Your answer should consist only of the lines below from the one with "#88=IFCMATERIALLAYERSET((#83,#85,#87),'Precast concrete C50/60" through the one with "END-ISO-10303-21;", copied exactly.
○ ○ ○
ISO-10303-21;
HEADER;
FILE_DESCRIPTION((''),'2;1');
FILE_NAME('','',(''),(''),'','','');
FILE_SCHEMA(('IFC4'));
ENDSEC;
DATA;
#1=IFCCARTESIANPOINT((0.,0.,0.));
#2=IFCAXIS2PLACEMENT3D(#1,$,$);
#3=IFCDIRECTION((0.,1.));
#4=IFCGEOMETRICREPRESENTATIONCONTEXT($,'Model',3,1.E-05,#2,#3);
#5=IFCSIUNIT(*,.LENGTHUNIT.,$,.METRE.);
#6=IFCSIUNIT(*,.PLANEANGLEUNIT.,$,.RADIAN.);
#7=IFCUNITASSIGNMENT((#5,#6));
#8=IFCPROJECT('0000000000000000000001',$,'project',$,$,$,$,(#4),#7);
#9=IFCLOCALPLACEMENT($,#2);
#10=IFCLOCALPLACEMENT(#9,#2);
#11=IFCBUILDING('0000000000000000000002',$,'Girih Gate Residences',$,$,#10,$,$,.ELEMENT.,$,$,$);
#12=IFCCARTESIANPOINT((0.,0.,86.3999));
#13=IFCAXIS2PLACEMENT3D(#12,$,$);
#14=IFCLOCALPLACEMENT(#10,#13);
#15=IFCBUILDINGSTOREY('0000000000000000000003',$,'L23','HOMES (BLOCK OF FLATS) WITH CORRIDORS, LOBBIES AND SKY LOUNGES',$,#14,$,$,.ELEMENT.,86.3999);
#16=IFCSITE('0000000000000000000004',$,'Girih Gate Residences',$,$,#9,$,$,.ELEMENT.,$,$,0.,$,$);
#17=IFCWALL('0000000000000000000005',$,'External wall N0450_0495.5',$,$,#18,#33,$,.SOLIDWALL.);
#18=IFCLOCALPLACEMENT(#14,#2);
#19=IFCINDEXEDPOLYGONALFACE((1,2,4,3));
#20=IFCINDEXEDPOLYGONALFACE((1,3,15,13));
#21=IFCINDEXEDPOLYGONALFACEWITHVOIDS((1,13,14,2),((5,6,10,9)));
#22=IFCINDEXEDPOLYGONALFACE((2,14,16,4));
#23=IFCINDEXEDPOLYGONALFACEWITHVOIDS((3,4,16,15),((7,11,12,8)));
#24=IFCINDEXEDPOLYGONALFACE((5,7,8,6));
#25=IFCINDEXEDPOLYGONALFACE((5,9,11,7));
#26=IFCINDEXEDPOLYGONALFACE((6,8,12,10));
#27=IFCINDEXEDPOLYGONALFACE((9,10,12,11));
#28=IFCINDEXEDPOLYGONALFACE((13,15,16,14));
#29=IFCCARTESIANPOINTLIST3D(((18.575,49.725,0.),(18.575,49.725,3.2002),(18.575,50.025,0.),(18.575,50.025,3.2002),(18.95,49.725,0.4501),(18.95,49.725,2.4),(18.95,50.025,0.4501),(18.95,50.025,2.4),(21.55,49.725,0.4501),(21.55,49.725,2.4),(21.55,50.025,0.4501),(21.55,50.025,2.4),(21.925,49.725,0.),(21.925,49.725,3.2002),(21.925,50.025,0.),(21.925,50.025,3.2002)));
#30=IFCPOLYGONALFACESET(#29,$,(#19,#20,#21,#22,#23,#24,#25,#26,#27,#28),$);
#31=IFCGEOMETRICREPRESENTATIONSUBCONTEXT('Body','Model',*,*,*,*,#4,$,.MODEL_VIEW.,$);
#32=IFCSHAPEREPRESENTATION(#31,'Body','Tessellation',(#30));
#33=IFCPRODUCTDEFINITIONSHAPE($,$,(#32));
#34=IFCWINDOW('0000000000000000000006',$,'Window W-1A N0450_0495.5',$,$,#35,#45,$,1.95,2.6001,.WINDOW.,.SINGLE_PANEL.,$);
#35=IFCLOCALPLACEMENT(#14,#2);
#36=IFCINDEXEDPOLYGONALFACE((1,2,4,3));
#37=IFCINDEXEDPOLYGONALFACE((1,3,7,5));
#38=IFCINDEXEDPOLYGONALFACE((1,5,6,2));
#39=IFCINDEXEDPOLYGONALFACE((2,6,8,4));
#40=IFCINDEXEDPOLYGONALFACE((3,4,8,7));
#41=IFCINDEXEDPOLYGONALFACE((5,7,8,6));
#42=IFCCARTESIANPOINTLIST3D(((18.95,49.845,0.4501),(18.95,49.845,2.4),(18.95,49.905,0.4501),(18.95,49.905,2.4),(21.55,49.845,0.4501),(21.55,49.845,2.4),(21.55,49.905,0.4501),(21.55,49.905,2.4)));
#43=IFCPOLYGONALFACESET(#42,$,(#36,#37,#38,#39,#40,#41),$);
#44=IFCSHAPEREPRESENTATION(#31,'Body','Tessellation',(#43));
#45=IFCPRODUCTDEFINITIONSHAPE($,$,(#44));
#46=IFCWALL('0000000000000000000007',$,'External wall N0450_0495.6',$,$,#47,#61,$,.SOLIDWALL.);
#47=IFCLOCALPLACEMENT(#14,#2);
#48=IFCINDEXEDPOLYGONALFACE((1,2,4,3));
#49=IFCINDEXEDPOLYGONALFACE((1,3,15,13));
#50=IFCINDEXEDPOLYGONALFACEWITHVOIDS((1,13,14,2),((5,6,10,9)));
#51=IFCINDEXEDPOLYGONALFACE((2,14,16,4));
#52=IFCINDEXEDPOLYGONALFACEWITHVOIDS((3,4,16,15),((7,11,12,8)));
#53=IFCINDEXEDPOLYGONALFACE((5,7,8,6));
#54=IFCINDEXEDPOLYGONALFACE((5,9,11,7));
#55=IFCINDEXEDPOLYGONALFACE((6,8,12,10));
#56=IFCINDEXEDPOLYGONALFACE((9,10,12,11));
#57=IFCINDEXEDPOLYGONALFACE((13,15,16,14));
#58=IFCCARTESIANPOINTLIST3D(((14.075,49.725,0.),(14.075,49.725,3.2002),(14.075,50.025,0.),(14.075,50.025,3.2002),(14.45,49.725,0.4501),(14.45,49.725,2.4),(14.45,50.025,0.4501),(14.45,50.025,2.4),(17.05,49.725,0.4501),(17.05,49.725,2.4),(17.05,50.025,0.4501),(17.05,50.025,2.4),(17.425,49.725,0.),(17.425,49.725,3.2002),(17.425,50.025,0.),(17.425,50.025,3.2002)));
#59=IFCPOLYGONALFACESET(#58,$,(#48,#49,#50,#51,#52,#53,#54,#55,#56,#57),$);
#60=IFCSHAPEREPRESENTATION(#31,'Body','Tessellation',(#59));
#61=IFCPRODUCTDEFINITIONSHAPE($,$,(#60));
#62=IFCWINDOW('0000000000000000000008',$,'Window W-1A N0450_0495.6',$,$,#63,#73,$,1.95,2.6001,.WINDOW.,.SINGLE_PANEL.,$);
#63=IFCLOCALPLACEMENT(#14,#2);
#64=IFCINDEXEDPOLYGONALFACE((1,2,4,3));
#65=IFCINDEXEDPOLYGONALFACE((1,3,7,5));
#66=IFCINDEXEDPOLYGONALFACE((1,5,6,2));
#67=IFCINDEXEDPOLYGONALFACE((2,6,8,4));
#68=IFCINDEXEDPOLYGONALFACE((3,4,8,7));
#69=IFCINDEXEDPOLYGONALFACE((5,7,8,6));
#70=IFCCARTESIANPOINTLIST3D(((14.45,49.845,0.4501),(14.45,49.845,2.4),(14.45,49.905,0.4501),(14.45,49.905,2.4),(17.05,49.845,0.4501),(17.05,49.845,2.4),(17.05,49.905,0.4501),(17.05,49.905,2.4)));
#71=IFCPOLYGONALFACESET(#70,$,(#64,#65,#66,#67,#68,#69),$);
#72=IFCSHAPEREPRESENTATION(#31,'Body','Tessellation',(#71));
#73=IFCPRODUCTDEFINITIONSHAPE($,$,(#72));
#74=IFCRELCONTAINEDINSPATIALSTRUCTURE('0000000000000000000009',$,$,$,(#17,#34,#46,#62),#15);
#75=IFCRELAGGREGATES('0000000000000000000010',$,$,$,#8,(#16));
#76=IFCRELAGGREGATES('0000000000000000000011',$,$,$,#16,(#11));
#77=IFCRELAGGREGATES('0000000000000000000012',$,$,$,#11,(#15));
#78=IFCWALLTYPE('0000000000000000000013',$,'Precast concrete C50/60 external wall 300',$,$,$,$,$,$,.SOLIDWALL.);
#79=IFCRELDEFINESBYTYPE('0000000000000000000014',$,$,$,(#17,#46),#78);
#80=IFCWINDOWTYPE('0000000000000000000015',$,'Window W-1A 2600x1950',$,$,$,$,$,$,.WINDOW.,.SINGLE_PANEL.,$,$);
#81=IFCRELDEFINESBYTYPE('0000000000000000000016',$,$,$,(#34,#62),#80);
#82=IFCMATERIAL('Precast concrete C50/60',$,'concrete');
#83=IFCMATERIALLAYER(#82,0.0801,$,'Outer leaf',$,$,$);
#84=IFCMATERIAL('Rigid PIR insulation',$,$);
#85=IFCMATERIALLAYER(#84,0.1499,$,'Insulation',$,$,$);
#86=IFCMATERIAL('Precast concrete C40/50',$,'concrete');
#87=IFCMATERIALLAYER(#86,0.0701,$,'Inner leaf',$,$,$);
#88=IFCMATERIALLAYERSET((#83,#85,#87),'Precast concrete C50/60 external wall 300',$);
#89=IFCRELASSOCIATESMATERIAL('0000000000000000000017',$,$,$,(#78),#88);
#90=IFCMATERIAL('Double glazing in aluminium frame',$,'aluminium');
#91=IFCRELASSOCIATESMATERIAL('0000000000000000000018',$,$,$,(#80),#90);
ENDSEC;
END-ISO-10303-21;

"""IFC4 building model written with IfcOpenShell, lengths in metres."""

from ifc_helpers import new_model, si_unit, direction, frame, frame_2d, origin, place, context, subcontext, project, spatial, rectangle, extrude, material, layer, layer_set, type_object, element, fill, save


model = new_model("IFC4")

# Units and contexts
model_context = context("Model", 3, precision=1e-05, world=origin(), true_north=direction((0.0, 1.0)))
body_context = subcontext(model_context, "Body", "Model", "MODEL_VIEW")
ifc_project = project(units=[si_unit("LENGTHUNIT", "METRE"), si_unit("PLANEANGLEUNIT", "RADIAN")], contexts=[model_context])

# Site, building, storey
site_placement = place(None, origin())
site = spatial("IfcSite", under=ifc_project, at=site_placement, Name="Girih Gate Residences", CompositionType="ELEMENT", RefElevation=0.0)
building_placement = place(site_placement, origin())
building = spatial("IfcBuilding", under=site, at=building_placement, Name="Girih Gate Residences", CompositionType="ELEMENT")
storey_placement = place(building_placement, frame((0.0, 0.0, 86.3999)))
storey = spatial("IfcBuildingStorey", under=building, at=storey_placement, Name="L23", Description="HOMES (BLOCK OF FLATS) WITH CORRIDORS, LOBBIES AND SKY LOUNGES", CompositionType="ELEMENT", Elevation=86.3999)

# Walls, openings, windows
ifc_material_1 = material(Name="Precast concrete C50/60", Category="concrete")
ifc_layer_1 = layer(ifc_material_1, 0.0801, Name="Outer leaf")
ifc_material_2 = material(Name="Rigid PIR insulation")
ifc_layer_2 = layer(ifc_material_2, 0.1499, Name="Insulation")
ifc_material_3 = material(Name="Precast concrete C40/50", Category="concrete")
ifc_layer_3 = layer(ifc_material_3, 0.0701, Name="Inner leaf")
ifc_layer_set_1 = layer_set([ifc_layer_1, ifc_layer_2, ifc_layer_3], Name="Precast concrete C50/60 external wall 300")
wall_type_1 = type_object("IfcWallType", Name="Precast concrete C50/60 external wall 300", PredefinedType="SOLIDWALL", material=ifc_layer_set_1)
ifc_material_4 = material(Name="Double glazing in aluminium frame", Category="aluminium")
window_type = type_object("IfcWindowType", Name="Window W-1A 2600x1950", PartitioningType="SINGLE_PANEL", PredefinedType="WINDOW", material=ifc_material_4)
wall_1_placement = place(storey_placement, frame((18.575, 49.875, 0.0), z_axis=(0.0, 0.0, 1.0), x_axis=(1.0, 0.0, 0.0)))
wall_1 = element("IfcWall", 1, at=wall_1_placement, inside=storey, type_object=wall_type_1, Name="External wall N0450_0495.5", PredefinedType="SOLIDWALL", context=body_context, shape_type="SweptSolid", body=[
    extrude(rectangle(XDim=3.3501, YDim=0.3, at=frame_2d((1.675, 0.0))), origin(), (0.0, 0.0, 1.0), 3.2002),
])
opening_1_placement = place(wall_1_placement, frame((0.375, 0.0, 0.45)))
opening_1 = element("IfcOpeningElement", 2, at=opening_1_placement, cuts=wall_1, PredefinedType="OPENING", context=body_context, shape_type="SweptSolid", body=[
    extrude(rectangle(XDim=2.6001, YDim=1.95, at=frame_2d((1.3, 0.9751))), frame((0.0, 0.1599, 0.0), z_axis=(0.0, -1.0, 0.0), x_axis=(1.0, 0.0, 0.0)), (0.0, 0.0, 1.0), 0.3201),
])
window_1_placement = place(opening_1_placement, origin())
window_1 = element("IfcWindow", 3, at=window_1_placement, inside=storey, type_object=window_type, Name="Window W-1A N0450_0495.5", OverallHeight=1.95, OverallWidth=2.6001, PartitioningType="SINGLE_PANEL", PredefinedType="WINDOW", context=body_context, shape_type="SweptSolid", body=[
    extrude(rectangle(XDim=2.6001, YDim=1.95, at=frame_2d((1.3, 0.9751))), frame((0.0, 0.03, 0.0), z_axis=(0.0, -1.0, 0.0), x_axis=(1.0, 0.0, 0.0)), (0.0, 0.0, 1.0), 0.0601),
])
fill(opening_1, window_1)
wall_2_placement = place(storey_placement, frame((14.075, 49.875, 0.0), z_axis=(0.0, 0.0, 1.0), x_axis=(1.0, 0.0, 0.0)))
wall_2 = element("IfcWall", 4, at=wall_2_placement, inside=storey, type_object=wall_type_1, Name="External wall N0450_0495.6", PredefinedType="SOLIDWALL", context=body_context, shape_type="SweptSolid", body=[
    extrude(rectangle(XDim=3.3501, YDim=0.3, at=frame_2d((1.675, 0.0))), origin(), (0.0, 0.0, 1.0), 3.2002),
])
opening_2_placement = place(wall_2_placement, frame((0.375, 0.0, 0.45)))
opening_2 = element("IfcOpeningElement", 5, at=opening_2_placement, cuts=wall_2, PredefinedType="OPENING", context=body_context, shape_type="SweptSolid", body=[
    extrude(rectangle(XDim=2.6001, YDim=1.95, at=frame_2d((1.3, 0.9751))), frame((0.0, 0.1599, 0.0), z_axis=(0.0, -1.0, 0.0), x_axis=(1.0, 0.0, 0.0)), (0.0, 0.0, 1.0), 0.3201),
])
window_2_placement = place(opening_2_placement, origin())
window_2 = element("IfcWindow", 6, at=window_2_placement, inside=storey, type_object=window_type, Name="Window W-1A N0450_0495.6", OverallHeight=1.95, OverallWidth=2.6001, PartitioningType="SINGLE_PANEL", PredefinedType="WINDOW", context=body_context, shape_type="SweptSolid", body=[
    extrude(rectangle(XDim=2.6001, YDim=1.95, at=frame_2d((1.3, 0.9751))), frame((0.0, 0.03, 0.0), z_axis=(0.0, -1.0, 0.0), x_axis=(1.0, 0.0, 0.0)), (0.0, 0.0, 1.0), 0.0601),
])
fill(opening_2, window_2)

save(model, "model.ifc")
○ ○ ○
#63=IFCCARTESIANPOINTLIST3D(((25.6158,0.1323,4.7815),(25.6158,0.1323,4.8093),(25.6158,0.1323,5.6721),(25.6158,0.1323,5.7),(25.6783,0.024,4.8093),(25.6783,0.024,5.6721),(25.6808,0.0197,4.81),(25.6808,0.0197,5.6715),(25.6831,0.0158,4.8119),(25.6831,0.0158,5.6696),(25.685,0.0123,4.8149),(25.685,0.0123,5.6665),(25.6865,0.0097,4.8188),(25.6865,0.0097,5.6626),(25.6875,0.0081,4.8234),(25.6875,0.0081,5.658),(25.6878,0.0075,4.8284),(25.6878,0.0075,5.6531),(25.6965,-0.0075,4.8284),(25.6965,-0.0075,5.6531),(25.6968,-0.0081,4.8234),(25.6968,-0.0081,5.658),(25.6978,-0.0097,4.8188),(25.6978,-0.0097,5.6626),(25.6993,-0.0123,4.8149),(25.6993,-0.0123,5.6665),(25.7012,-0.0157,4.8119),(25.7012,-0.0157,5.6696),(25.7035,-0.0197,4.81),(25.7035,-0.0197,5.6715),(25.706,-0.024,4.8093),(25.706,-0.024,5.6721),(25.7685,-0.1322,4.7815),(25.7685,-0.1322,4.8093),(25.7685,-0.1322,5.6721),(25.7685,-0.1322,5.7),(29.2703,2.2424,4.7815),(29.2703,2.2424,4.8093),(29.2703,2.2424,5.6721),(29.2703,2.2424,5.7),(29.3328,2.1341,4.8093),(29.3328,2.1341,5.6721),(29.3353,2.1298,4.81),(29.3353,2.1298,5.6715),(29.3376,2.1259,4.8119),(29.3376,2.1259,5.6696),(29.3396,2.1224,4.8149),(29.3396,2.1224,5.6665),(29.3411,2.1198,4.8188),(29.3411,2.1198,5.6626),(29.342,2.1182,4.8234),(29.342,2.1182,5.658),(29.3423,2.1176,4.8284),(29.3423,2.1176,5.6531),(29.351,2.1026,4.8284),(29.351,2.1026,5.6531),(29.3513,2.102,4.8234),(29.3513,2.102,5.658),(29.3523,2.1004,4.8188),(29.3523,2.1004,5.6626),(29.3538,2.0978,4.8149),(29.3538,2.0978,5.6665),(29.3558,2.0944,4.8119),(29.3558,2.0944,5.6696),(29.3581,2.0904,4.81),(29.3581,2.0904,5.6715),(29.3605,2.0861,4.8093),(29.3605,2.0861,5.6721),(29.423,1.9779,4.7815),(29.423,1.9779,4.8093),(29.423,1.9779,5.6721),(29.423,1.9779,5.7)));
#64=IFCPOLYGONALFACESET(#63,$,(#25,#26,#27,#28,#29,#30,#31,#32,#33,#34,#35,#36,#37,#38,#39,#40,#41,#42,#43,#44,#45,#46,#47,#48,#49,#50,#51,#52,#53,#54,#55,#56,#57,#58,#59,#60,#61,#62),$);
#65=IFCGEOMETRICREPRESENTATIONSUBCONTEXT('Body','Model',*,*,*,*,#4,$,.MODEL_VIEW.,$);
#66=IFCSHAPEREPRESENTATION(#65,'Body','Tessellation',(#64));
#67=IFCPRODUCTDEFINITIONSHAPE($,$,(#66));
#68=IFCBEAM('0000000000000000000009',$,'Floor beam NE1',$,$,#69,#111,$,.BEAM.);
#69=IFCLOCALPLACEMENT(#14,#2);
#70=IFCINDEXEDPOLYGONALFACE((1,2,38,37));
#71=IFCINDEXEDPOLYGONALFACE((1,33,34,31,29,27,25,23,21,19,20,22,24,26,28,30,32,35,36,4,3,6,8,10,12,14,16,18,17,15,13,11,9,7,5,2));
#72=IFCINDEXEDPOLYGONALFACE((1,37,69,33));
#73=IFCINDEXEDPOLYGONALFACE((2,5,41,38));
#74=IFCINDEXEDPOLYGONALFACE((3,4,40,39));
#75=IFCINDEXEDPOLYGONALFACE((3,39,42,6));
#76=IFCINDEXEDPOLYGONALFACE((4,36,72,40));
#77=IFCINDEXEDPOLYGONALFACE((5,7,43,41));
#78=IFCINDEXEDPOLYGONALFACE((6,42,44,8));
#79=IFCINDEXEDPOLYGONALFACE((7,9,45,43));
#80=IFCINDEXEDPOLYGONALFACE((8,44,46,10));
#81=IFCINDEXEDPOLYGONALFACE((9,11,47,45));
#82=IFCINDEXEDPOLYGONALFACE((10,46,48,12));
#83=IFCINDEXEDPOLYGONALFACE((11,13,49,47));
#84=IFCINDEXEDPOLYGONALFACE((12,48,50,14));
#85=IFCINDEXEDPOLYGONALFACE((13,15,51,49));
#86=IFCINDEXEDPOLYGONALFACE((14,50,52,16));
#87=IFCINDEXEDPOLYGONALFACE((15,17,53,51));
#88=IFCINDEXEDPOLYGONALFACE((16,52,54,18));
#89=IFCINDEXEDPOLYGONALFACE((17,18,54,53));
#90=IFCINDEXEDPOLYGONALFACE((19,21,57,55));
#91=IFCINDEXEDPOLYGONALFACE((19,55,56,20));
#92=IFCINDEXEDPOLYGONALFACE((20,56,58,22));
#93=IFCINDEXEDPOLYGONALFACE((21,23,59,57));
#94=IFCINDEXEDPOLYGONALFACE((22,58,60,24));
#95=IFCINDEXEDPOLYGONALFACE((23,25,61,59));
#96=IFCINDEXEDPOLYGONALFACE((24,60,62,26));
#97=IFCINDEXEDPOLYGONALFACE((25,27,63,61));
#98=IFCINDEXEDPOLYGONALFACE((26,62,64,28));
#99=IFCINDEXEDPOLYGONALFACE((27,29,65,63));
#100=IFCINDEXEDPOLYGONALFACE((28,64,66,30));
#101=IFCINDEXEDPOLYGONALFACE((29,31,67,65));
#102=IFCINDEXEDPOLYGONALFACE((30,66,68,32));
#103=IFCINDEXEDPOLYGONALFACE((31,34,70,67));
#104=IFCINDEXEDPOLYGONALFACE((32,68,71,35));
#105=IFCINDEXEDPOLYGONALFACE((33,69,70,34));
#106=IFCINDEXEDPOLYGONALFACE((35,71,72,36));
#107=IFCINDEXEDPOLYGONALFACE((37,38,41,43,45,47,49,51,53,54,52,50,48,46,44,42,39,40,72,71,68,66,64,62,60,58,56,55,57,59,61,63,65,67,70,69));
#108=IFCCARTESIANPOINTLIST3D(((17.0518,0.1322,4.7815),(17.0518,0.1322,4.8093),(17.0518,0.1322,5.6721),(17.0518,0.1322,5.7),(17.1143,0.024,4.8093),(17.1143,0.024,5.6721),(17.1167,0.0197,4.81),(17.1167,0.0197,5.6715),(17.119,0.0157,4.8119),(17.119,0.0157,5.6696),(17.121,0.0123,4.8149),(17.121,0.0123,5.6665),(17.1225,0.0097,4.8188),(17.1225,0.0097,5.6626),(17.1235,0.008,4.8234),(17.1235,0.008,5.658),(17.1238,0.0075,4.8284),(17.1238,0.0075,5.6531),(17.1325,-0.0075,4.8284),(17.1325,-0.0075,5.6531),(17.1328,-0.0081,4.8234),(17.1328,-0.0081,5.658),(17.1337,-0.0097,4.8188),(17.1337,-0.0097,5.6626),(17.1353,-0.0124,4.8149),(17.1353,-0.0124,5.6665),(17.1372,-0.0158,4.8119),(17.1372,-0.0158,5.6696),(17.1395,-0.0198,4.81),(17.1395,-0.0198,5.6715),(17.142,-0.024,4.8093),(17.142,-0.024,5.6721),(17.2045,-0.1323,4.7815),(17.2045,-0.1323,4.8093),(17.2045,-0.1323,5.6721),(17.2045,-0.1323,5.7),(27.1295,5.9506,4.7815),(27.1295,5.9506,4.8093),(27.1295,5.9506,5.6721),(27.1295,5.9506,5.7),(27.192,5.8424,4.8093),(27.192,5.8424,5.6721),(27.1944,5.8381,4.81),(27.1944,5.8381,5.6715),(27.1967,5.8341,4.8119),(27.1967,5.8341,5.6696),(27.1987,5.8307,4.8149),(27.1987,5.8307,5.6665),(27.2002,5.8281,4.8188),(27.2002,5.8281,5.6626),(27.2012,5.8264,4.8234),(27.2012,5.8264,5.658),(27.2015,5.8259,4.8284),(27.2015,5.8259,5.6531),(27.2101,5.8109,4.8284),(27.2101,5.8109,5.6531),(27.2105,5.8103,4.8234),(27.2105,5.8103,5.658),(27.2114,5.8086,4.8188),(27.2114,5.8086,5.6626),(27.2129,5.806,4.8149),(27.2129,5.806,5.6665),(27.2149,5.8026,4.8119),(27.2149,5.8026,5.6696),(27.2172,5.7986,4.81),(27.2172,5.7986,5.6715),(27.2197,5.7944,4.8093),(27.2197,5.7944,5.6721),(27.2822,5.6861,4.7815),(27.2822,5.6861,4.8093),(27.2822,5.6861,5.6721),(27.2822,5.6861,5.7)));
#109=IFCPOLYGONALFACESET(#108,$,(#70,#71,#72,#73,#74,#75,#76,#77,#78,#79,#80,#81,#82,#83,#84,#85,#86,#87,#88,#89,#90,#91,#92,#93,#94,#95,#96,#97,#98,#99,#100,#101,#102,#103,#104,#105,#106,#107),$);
○ ○ ○
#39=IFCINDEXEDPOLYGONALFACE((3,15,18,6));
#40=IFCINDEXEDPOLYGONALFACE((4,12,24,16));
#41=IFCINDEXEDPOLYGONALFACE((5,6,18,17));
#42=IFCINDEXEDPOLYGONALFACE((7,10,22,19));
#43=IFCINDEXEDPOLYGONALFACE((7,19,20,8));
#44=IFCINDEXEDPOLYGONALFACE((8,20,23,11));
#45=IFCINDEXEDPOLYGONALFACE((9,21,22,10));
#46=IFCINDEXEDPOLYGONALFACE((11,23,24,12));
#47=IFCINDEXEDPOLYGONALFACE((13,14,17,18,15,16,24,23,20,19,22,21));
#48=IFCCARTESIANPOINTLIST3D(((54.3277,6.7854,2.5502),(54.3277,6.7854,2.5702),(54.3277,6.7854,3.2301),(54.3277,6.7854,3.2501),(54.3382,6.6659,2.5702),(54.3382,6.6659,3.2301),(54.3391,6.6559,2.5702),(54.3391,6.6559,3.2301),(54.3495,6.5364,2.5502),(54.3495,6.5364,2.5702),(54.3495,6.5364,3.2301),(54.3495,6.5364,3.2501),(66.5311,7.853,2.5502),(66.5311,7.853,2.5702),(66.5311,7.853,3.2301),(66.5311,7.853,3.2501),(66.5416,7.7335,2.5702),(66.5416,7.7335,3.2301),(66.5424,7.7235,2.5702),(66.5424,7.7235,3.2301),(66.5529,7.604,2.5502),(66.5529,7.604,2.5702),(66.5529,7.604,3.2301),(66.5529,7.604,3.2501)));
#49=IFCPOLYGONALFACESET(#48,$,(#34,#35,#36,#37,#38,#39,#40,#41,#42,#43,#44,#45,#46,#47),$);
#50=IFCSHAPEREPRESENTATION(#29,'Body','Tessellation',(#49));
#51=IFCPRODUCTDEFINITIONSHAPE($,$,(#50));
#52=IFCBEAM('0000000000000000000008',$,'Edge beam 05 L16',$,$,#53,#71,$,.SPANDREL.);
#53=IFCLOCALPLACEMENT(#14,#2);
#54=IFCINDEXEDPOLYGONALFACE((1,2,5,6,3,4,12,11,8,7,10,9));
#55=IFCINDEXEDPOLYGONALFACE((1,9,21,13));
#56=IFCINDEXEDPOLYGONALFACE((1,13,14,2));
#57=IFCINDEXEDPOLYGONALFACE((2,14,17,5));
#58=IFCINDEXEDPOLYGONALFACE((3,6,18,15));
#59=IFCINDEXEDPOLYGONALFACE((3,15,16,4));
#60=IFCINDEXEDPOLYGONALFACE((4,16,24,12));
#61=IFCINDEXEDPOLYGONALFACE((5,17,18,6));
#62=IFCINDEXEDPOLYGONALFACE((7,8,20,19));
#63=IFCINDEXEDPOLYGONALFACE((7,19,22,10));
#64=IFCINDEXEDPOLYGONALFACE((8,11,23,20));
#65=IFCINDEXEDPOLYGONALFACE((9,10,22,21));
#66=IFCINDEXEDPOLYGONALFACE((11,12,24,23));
○ ○ ○
◆ **Result of this task**
#88=IFCMATERIALLAYERSET((#83,#85,#87),'Precast concrete C50/60 external wall 300',$);
#89=IFCRELASSOCIATESMATERIAL('0000000000000000000017',$,$,$,(#78),#88);
#90=IFCMATERIAL('Double glazing in aluminium frame',$,'aluminium');
#91=IFCRELASSOCIATESMATERIAL('0000000000000000000018',$,$,$,(#80),#90);
ENDSEC;
END-ISO-10303-21;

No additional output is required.